(Excerpts from a dataset)
※ ※ ※

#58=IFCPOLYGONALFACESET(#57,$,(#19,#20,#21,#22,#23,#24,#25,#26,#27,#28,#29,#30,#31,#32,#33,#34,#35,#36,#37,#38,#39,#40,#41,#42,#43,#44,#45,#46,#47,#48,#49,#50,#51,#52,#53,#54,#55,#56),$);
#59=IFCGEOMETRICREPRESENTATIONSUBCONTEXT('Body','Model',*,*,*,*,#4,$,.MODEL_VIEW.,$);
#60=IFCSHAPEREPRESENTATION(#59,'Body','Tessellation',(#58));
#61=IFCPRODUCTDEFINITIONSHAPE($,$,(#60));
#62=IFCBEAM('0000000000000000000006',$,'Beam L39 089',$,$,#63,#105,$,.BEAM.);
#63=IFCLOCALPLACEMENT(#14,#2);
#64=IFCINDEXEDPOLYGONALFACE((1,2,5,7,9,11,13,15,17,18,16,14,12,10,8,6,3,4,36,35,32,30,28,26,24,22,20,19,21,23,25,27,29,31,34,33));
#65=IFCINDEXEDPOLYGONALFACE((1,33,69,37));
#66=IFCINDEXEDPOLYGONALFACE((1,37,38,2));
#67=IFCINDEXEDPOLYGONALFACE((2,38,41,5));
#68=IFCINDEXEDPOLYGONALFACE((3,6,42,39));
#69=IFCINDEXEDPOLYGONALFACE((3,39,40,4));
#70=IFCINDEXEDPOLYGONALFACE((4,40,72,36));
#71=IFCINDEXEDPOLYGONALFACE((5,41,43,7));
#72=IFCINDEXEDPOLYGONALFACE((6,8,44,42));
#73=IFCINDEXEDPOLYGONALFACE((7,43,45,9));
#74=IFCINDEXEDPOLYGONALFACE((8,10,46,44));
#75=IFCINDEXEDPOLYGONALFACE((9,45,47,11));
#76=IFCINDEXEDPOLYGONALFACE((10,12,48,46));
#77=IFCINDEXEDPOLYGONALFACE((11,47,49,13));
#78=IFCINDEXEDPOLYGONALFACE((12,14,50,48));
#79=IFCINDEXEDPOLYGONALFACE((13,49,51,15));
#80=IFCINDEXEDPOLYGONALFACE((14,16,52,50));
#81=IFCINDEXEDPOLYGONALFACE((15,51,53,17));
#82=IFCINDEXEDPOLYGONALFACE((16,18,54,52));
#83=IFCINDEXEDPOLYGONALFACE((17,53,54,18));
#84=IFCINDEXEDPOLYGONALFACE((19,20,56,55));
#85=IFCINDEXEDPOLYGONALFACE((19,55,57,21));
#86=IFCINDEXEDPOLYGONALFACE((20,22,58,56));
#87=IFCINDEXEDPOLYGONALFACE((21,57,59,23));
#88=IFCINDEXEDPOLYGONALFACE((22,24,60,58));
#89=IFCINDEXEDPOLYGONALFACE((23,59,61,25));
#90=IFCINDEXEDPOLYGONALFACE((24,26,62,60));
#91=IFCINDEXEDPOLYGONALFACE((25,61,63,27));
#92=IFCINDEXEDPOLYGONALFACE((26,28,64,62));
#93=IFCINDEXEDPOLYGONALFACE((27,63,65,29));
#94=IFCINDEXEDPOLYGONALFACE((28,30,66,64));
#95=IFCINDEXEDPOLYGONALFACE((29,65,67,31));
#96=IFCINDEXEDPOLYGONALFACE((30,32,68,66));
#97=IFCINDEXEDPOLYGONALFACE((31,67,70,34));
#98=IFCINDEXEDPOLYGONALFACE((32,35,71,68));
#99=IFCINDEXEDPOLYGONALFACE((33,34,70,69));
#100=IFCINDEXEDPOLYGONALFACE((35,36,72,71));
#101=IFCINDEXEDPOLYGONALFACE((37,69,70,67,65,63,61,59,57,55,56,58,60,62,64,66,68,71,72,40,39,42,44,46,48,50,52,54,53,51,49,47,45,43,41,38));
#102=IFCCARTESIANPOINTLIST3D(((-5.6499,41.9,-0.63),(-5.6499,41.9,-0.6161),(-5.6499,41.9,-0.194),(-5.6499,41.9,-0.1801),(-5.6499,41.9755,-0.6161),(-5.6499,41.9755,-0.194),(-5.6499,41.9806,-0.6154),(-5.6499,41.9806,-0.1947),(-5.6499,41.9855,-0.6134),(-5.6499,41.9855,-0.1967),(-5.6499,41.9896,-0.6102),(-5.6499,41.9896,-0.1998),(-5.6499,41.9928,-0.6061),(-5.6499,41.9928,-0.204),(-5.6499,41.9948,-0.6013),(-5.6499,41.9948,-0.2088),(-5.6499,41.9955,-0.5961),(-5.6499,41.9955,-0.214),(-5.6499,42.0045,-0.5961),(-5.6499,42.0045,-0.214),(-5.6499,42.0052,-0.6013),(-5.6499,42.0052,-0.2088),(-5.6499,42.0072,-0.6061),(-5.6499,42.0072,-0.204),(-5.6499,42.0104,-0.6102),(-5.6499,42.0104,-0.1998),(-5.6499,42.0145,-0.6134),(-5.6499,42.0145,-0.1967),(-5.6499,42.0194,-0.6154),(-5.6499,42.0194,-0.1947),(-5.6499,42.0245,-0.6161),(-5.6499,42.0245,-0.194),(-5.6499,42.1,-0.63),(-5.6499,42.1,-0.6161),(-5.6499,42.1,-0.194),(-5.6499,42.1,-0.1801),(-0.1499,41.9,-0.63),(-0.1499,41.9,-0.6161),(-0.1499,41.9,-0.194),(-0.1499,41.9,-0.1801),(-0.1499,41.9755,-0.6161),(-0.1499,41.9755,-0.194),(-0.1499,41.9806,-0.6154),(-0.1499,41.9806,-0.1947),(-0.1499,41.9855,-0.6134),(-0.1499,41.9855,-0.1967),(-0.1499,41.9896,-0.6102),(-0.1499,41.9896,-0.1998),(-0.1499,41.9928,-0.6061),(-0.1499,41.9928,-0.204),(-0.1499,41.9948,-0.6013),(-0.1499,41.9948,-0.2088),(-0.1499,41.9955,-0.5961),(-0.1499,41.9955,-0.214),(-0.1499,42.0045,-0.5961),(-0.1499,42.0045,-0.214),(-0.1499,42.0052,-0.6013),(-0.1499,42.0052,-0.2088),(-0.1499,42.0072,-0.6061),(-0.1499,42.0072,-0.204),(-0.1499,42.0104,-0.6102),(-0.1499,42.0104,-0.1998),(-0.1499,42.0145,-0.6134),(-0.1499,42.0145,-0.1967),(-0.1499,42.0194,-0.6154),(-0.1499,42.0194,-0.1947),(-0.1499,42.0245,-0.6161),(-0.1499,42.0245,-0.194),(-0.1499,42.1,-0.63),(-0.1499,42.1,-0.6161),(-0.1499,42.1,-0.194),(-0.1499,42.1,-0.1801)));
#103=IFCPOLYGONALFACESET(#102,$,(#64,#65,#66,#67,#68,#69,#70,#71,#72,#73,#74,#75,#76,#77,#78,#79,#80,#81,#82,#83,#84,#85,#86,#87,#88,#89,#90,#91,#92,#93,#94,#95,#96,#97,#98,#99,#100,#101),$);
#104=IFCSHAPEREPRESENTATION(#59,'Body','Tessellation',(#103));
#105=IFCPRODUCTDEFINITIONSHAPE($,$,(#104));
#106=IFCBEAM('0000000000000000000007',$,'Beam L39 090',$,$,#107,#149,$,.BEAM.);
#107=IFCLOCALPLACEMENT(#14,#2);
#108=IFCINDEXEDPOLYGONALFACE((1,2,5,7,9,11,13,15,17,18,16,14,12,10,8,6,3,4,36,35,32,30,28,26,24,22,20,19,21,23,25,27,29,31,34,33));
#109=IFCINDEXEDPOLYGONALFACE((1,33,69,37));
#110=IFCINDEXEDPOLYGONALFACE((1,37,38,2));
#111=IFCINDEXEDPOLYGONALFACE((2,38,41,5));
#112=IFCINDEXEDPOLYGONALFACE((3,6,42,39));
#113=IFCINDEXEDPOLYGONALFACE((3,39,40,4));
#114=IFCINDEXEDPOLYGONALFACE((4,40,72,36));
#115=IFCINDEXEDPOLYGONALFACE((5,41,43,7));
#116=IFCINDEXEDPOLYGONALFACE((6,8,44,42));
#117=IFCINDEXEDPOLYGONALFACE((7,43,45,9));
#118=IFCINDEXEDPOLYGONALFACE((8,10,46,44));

※ ※ ※

→ **THE PROBLEM**
Looking at the data above, write out exactly the lines that start at the one containing "#71=IFCINDEXEDPOLYGONALFACE((5,41,43,7));" and end at the one containing "#98=IFCINDEXEDPOLYGONALFACE((32,35,71,68));"; include both and nothing beyond.

→ **ANSWER SECTION**
#71=IFCINDEXEDPOLYGONALFACE((5,41,43,7));
#72=IFCINDEXEDPOLYGONALFACE((6,8,44,42));
#73=IFCINDEXEDPOLYGONALFACE((7,43,45,9));
#74=IFCINDEXEDPOLYGONALFACE((8,10,46,44));
#75=IFCINDEXEDPOLYGONALFACE((9,45,47,11));
#76=IFCINDEXEDPOLYGONALFACE((10,12,48,46));
#77=IFCINDEXEDPOLYGONALFACE((11,47,49,13));
#78=IFCINDEXEDPOLYGONALFACE((12,14,50,48));
#79=IFCINDEXEDPOLYGONALFACE((13,49,51,15));
#80=IFCINDEXEDPOLYGONALFACE((14,16,52,50));
#81=IFCINDEXEDPOLYGONALFACE((15,51,53,17));
#82=IFCINDEXEDPOLYGONALFACE((16,18,54,52));
#83=IFCINDEXEDPOLYGONALFACE((17,53,54,18));
#84=IFCINDEXEDPOLYGONALFACE((19,20,56,55));
#85=IFCINDEXEDPOLYGONALFACE((19,55,57,21));
#86=IFCINDEXEDPOLYGONALFACE((20,22,58,56));
#87=IFCINDEXEDPOLYGONALFACE((21,57,59,23));
#88=IFCINDEXEDPOLYGONALFACE((22,24,60,58));
#89=IFCINDEXEDPOLYGONALFACE((23,59,61,25));
#90=IFCINDEXEDPOLYGONALFACE((24,26,62,60));
#91=IFCINDEXEDPOLYGONALFACE((25,61,63,27));
#92=IFCINDEXEDPOLYGONALFACE((26,28,64,62));
#93=IFCINDEXEDPOLYGONALFACE((27,63,65,29));
#94=IFCINDEXEDPOLYGONALFACE((28,30,66,64));
#95=IFCINDEXEDPOLYGONALFACE((29,65,67,31));
#96=IFCINDEXEDPOLYGONALFACE((30,32,68,66));
#97=IFCINDEXEDPOLYGONALFACE((31,67,70,34));
#98=IFCINDEXEDPOLYGONALFACE((32,35,71,68));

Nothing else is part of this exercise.